• [PROBLEM DETAILS]: A verbatim reproduction of the lines below, from the line containing "#67=IFCLOCALPLACEMENT(#14,#2);" through the line containing "#75=IFCPOLYGONALFACESET(#74,$,(#68,#69,#70,#71,#72,#73),$);", both ends included, is the whole required output.

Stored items
▼

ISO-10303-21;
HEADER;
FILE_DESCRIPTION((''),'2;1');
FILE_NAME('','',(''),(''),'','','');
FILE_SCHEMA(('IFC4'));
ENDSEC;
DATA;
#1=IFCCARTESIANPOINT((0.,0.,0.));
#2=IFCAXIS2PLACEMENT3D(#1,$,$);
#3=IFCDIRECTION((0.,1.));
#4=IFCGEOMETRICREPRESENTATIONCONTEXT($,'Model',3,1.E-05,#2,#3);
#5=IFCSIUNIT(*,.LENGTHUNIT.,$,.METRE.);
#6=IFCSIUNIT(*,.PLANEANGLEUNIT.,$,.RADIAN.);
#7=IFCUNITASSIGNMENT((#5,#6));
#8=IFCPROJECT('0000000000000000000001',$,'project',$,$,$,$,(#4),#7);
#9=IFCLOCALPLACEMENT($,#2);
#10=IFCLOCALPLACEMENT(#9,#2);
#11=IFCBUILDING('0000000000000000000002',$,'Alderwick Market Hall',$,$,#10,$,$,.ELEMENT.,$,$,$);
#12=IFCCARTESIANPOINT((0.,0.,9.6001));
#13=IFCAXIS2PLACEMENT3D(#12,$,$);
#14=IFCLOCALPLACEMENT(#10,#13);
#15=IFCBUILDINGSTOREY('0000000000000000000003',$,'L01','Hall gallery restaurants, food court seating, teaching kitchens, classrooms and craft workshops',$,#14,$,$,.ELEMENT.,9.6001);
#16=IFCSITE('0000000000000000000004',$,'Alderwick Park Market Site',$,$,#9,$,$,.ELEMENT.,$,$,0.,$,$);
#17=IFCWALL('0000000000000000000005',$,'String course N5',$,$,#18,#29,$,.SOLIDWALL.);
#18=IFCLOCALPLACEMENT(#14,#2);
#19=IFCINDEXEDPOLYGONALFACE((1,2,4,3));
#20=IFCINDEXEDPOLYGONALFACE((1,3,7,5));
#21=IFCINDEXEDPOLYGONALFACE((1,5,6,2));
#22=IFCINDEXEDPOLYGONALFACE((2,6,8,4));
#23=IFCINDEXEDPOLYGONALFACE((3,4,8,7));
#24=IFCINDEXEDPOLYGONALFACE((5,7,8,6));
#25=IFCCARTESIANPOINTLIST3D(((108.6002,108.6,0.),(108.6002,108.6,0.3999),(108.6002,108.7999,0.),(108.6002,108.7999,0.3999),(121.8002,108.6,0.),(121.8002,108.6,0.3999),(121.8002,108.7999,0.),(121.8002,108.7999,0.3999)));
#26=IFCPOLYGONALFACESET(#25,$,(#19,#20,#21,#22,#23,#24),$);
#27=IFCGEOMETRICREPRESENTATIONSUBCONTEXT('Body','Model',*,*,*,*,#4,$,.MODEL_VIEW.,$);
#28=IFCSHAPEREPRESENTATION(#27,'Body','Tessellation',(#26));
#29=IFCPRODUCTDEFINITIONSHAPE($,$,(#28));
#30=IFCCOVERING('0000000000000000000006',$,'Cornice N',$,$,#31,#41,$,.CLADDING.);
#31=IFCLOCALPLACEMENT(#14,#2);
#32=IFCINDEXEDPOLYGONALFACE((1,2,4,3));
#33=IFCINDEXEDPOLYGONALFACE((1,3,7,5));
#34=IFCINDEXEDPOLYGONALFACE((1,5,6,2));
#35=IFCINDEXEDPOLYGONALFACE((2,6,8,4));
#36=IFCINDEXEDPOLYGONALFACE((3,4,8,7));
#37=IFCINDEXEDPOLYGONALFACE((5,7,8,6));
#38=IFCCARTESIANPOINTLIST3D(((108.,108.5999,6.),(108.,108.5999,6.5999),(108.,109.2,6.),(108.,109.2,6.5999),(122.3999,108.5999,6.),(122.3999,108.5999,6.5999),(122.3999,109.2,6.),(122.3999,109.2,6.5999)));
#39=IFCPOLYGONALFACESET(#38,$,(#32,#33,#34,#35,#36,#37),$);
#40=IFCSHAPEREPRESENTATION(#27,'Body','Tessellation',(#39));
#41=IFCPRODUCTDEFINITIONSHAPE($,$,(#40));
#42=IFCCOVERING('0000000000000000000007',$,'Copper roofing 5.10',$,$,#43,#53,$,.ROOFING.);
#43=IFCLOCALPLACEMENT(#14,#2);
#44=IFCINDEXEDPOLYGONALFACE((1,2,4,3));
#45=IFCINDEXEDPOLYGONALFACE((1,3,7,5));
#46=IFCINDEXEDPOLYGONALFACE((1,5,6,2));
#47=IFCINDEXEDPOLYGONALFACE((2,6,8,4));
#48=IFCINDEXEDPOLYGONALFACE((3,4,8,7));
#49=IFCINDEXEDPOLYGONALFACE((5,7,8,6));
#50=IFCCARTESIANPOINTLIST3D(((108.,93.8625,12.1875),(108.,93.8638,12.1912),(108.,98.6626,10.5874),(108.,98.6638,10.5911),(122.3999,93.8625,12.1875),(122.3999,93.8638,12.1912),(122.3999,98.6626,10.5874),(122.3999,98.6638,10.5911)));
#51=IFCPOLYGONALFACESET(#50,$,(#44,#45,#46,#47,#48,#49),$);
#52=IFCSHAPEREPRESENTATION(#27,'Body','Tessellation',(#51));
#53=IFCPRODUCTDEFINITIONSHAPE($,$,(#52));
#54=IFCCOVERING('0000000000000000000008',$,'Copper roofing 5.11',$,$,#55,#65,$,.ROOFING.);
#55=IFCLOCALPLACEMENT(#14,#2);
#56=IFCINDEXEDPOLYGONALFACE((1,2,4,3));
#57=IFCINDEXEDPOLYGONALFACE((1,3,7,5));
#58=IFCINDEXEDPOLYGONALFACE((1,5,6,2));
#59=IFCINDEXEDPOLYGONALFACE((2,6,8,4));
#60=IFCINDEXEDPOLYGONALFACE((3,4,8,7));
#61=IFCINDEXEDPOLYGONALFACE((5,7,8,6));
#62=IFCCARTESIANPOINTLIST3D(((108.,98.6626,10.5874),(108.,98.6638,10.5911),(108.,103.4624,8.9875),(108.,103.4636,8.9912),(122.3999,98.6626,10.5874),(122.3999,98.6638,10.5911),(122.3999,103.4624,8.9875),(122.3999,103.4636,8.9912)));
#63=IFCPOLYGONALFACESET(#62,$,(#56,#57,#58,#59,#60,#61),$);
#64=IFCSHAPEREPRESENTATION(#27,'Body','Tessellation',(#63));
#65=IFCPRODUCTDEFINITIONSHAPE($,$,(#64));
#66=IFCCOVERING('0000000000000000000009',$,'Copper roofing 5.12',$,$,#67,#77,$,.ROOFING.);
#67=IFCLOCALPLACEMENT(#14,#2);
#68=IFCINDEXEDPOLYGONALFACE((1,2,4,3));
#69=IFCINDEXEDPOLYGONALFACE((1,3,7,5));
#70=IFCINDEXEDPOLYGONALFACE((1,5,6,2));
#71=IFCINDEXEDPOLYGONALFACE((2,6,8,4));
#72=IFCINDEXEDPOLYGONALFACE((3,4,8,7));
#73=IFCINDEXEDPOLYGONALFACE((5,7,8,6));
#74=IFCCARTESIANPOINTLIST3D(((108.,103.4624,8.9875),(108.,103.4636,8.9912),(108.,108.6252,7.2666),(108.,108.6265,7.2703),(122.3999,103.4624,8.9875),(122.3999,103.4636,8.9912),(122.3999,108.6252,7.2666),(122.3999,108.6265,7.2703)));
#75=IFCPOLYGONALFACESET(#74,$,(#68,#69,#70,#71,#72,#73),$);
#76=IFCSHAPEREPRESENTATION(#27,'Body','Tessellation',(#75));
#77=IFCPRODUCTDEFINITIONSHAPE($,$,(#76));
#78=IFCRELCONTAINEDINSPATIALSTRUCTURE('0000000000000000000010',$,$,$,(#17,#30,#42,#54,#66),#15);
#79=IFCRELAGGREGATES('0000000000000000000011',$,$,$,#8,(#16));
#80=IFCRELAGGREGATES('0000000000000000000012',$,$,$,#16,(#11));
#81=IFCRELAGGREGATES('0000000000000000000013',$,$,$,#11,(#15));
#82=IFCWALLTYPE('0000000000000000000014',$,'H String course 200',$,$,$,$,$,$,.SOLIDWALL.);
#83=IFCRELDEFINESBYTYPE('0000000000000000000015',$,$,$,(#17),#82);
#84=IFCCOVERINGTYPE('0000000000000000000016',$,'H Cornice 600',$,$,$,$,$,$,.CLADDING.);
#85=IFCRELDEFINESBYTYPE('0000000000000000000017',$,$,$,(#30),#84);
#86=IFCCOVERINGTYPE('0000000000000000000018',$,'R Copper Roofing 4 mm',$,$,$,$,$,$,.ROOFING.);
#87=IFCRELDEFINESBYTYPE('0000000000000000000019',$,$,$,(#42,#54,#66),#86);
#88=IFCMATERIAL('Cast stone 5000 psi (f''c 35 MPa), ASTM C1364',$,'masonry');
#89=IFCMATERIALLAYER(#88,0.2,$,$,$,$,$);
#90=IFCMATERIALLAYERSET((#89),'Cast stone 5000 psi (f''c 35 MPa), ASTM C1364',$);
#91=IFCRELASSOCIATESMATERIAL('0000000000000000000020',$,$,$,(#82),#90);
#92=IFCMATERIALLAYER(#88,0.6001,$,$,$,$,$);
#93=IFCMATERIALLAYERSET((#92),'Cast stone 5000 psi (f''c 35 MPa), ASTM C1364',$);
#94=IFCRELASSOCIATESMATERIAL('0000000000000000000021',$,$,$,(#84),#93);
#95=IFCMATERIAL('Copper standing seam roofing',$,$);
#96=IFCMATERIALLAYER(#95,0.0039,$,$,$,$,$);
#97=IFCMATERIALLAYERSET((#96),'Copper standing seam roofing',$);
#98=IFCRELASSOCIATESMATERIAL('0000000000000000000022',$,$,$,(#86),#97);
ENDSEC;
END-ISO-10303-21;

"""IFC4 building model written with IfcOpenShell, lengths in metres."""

from ifc_helpers import new_model, si_unit, direction, frame, frame_2d, origin, place, context, subcontext, project, spatial, polyline, rectangle, outline, extrude, material, layer, layer_set, type_object, element, save


model = new_model("IFC4")

# Units and contexts
model_context = context("Model", 3, precision=1e-05, world=origin(), true_north=direction((0.0, 1.0)))
body_context = subcontext(model_context, "Body", "Model", "MODEL_VIEW")
ifc_project = project(units=[si_unit("LENGTHUNIT", "METRE"), si_unit("PLANEANGLEUNIT", "RADIAN")], contexts=[model_context])

# Site, building, storey
site_placement = place(None, origin())
site = spatial("IfcSite", under=ifc_project, at=site_placement, Name="Alderwick Park Market Site", CompositionType="ELEMENT", RefElevation=0.0)
building_placement = place(site_placement, origin())
building = spatial("IfcBuilding", under=site, at=building_placement, Name="Alderwick Market Hall", CompositionType="ELEMENT")
storey_placement = place(building_placement, frame((0.0, 0.0, 9.6001)))
storey = spatial("IfcBuildingStorey", under=building, at=storey_placement, Name="L01", Description="Hall gallery restaurants, food court seating, teaching kitchens, classrooms and craft workshops", CompositionType="ELEMENT", Elevation=9.6001)

# Wall
ifc_material_1 = material(Name="Cast stone 5000 psi (f'c 35 MPa), ASTM C1364", Category="masonry")
ifc_layer_1 = layer(ifc_material_1, 0.2)
ifc_layer_set_1 = layer_set([ifc_layer_1], Name="Cast stone 5000 psi (f'c 35 MPa), ASTM C1364")
wall_type_1 = type_object("IfcWallType", Name="H String course 200", PredefinedType="SOLIDWALL", material=ifc_layer_set_1)
wall_1_placement = place(storey_placement, frame((108.6001, 108.7, 0.0), z_axis=(0.0, 0.0, 1.0), x_axis=(1.0, 0.0, 0.0)))
element("IfcWall", 1, at=wall_1_placement, inside=storey, type_object=wall_type_1, Name="String course N5", PredefinedType="SOLIDWALL", context=body_context, shape_type="SweptSolid", body=[
    extrude(rectangle(XDim=13.2, YDim=0.2, at=frame_2d((6.6001, 0.0))), origin(), (0.0, 0.0, 1.0), 0.3999),
])

# Coverings
ifc_layer_2 = layer(ifc_material_1, 0.6001)
ifc_layer_set_2 = layer_set([ifc_layer_2], Name="Cast stone 5000 psi (f'c 35 MPa), ASTM C1364")
covering_type_1 = type_object("IfcCoveringType", Name="H Cornice 600", PredefinedType="CLADDING", material=ifc_layer_set_2)
covering_1_placement = place(storey_placement, frame((108.0, 108.8999, 6.0), z_axis=(0.0, 0.0, 1.0), x_axis=(1.0, 0.0, 0.0)))
element("IfcCovering", 2, at=covering_1_placement, inside=storey, type_object=covering_type_1, Name="Cornice N", PredefinedType="CLADDING", context=body_context, shape_type="SweptSolid", body=[
    extrude(rectangle(XDim=14.3999, YDim=0.6001, at=frame_2d((7.2, 0.0))), origin(), (0.0, 0.0, 1.0), 0.5999),
])
ifc_material_2 = material(Name="Copper standing seam roofing")
ifc_layer_3 = layer(ifc_material_2, 0.0039)
ifc_layer_set_3 = layer_set([ifc_layer_3], Name="Copper standing seam roofing")
covering_type_2 = type_object("IfcCoveringType", Name="R Copper Roofing 4 mm", PredefinedType="ROOFING", material=ifc_layer_set_3)
covering_2_placement = place(storey_placement, frame((108.0, 93.8638, 12.1912), z_axis=(0.0, 0.316242, 0.948678), x_axis=(1.0, 0.0, 0.0)))
element("IfcCovering", 3, at=covering_2_placement, inside=storey, type_object=covering_type_2, Name="Copper roofing 5.10", PredefinedType="ROOFING", context=body_context, shape_type="SweptSolid", body=[
    extrude(outline(polyline([(0.0, 0.0), (14.3999, 0.0), (14.3999, 5.0597), (0.0, 5.0597), (0.0, 0.0)])), origin(), (0.0, 0.0, -1.0), 0.0039),
])
covering_3_placement = place(storey_placement, frame((108.0, 98.6638, 10.5911), z_axis=(0.0, 0.316213, 0.948688), x_axis=(1.0, 0.0, 0.0)))
element("IfcCovering", 4, at=covering_3_placement, inside=storey, type_object=covering_type_2, Name="Copper roofing 5.11", PredefinedType="ROOFING", context=body_context, shape_type="SweptSolid", body=[
    extrude(outline(polyline([(0.0, 0.0), (14.3999, 0.0), (14.3999, 5.0594), (0.0, 5.0594), (0.0, 0.0)])), origin(), (0.0, 0.0, -1.0), 0.0039),
])
covering_4_placement = place(storey_placement, frame((108.0, 103.4636, 8.9912), z_axis=(0.0, 0.316228, 0.948683), x_axis=(1.0, 0.0, 0.0)))
element("IfcCovering", 5, at=covering_4_placement, inside=storey, type_object=covering_type_2, Name="Copper roofing 5.12", PredefinedType="ROOFING", context=body_context, shape_type="SweptSolid", body=[
    extrude(outline(polyline([(0.0, 0.0), (14.3999, 0.0), (14.3999, 5.4421), (0.0, 5.4421), (0.0, 0.0)])), origin(), (0.0, 0.0, -1.0), 0.0039),
])

save(model, "model.ifc")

▲

• [EXPECTED ANSWER]:
#67=IFCLOCALPLACEMENT(#14,#2);
#68=IFCINDEXEDPOLYGONALFACE((1,2,4,3));
#69=IFCINDEXEDPOLYGONALFACE((1,3,7,5));
#70=IFCINDEXEDPOLYGONALFACE((1,5,6,2));
#71=IFCINDEXEDPOLYGONALFACE((2,6,8,4));
#72=IFCINDEXEDPOLYGONALFACE((3,4,8,7));
#73=IFCINDEXEDPOLYGONALFACE((5,7,8,6));
#74=IFCCARTESIANPOINTLIST3D(((108.,103.4624,8.9875),(108.,103.4636,8.9912),(108.,108.6252,7.2666),(108.,108.6265,7.2703),(122.3999,103.4624,8.9875),(122.3999,103.4636,8.9912),(122.3999,108.6252,7.2666),(122.3999,108.6265,7.2703)));
#75=IFCPOLYGONALFACESET(#74,$,(#68,#69,#70,#71,#72,#73),$);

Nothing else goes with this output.